> **Exercise requirements**
Of the material below, only the lines from the line containing "#183=IFCINDEXEDPOLYGONALFACE((57,58,62,61));" down to the line containing "#184=IFCINDEXEDPOLYGONALFACE((59,61,62,60));" belong in the answer, written out exactly.

> **Data shown**
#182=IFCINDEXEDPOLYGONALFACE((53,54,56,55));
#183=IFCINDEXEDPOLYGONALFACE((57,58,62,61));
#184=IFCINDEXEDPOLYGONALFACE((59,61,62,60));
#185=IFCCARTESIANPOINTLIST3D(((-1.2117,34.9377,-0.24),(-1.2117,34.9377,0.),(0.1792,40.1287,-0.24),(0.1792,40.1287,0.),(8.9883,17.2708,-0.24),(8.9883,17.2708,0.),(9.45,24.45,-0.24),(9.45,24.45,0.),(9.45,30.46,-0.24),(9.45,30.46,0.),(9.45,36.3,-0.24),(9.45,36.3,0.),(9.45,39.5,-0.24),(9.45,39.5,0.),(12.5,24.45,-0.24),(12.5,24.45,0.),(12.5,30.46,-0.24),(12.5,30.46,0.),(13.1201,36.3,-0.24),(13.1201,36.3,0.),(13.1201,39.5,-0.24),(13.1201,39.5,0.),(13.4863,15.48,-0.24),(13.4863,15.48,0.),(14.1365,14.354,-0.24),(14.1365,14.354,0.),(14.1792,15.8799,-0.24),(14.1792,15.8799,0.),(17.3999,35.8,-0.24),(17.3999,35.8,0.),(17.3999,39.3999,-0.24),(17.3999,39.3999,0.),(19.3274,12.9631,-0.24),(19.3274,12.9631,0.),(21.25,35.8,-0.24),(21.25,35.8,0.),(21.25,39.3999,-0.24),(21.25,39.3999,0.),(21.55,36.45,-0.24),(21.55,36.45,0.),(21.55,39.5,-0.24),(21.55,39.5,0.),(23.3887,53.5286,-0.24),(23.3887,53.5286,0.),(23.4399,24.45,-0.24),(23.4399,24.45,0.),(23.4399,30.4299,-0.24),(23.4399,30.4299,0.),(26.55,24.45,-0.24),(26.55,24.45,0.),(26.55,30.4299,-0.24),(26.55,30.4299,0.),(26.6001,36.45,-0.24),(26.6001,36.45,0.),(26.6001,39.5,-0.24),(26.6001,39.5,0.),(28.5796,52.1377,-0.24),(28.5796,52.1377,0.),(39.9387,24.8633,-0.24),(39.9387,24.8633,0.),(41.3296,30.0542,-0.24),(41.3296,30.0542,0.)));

> **Answer section**
#183=IFCINDEXEDPOLYGONALFACE((57,58,62,61));
#184=IFCINDEXEDPOLYGONALFACE((59,61,62,60));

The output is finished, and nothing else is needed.